THE RECORDS below:

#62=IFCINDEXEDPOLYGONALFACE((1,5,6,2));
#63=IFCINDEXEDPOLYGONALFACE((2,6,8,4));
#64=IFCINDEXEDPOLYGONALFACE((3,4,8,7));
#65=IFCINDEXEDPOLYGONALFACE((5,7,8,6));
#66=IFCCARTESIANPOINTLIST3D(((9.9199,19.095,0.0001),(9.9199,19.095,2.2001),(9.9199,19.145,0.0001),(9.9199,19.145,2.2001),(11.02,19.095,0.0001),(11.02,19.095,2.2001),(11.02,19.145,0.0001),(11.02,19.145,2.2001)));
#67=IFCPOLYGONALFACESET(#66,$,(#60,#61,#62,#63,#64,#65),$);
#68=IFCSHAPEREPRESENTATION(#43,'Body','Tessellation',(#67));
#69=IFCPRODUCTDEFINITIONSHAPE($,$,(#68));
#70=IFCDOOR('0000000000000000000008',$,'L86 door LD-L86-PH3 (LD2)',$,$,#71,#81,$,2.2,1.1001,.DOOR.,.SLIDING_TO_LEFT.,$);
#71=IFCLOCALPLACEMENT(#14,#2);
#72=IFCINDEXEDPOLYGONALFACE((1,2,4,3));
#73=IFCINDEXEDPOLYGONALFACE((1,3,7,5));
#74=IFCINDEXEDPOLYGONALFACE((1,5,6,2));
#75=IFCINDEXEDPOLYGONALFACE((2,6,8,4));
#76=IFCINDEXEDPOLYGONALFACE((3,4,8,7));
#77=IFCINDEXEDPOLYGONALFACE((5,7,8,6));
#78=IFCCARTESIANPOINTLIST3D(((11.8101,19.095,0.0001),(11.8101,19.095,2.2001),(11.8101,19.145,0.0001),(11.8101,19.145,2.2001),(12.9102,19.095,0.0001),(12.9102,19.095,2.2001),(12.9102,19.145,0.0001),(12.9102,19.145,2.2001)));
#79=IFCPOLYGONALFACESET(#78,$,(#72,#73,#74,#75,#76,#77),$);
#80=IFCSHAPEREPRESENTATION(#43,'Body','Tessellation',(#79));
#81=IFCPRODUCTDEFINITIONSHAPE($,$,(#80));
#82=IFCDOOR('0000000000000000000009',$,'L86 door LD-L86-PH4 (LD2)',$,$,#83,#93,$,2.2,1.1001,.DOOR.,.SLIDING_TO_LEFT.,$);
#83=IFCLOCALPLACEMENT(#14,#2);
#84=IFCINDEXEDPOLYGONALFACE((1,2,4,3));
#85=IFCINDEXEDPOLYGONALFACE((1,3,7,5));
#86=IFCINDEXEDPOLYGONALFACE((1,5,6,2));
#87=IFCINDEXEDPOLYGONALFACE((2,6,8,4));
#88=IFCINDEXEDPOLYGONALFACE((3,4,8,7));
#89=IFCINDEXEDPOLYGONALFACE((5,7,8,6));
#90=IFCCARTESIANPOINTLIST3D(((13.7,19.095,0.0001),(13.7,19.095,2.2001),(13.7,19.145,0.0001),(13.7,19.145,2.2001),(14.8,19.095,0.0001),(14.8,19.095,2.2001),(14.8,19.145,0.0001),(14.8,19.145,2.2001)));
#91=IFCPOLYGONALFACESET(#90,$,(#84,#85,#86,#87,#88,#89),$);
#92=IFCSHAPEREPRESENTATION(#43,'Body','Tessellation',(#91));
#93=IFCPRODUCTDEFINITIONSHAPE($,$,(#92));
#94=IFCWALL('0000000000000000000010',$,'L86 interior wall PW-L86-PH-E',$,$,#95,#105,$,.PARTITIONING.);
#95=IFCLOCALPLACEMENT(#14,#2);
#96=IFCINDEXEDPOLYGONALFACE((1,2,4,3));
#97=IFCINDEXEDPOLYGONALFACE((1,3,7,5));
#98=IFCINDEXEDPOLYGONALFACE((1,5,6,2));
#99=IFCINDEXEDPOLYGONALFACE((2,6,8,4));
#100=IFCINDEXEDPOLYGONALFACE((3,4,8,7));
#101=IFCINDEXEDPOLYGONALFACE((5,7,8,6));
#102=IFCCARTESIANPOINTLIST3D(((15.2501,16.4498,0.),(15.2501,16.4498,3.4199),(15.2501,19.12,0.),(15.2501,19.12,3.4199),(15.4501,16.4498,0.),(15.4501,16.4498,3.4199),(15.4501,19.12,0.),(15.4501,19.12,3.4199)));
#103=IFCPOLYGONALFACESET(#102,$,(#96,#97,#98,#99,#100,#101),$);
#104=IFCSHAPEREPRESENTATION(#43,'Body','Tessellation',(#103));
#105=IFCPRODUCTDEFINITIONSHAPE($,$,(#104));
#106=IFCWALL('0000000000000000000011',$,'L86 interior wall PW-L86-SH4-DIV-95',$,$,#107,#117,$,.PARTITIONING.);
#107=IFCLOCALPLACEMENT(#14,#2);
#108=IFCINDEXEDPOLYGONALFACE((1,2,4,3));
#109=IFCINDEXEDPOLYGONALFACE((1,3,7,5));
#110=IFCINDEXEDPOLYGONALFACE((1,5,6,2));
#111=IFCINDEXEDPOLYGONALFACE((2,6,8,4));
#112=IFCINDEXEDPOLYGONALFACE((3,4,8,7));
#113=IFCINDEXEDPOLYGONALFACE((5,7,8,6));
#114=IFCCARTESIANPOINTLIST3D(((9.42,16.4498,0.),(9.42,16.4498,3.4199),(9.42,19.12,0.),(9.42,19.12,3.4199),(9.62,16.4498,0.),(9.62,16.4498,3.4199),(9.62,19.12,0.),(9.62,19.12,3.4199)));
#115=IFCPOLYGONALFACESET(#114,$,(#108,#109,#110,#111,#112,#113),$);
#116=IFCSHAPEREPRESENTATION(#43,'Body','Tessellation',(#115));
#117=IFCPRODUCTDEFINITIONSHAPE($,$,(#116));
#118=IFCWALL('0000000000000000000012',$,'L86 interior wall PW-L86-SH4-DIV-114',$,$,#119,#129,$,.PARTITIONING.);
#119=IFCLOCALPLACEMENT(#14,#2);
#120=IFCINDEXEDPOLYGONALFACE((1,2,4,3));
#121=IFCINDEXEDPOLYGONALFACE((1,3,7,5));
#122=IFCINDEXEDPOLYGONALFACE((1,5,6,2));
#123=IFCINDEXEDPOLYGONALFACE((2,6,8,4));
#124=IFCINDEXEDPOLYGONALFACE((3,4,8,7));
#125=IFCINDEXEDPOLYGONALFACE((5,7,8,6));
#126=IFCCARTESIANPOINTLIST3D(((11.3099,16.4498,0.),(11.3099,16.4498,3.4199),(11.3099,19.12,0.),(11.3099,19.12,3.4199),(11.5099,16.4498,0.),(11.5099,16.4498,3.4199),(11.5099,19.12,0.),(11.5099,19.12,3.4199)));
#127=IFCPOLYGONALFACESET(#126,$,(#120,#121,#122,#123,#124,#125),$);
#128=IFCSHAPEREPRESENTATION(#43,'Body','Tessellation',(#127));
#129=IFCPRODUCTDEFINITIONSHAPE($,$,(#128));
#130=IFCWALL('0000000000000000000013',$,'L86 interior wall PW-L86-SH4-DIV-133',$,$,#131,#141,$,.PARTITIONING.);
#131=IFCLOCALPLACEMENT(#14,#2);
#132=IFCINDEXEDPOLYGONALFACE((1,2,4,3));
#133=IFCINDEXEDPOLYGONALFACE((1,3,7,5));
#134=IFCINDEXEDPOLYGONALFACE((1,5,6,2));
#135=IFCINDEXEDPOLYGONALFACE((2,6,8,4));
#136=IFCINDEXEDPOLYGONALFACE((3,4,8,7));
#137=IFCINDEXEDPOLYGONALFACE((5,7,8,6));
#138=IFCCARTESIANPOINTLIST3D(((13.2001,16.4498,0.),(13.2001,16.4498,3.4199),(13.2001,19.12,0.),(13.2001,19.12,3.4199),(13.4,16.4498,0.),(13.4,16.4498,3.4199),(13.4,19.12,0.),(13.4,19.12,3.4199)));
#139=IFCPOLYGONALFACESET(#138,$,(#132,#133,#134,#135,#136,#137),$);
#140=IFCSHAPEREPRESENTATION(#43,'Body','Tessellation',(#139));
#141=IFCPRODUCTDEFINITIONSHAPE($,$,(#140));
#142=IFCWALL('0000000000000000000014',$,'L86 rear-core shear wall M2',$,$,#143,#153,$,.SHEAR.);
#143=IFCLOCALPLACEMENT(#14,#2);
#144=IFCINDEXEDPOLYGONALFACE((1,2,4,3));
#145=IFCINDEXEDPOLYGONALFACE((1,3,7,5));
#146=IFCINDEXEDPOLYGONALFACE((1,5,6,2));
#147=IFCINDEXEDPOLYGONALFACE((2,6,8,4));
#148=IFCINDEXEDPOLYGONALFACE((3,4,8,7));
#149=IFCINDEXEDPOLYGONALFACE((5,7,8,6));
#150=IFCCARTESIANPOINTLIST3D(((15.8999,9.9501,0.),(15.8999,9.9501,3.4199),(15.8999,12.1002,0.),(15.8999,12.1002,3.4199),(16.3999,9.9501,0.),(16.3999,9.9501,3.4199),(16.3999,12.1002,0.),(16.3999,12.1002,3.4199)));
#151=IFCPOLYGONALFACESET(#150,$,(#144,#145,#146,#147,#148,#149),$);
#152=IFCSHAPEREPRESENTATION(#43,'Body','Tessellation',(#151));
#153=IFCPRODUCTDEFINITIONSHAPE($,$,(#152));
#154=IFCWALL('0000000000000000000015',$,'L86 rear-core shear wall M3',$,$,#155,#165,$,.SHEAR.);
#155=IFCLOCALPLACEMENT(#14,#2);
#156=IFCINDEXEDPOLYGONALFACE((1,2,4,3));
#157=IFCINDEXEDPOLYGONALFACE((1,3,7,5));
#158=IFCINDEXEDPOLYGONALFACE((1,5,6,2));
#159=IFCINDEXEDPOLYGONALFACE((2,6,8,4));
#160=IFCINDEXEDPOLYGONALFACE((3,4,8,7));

End of THE RECORDS.

WORK REQUEST:
Copy back the listing above exactly, but only from the line with "#94=IFCWALL('0000000000000000000010',$,'L86 interior wall" through the line with "#105=IFCPRODUCTDEFINITIONSHAPE($,$,(#104));", both ends included.

WRITTEN SOLUTION:
#94=IFCWALL('0000000000000000000010',$,'L86 interior wall PW-L86-PH-E',$,$,#95,#105,$,.PARTITIONING.);
#95=IFCLOCALPLACEMENT(#14,#2);
#96=IFCINDEXEDPOLYGONALFACE((1,2,4,3));
#97=IFCINDEXEDPOLYGONALFACE((1,3,7,5));
#98=IFCINDEXEDPOLYGONALFACE((1,5,6,2));
#99=IFCINDEXEDPOLYGONALFACE((2,6,8,4));
#100=IFCINDEXEDPOLYGONALFACE((3,4,8,7));
#101=IFCINDEXEDPOLYGONALFACE((5,7,8,6));
#102=IFCCARTESIANPOINTLIST3D(((15.2501,16.4498,0.),(15.2501,16.4498,3.4199),(15.2501,19.12,0.),(15.2501,19.12,3.4199),(15.4501,16.4498,0.),(15.4501,16.4498,3.4199),(15.4501,19.12,0.),(15.4501,19.12,3.4199)));
#103=IFCPOLYGONALFACESET(#102,$,(#96,#97,#98,#99,#100,#101),$);
#104=IFCSHAPEREPRESENTATION(#43,'Body','Tessellation',(#103));
#105=IFCPRODUCTDEFINITIONSHAPE($,$,(#104));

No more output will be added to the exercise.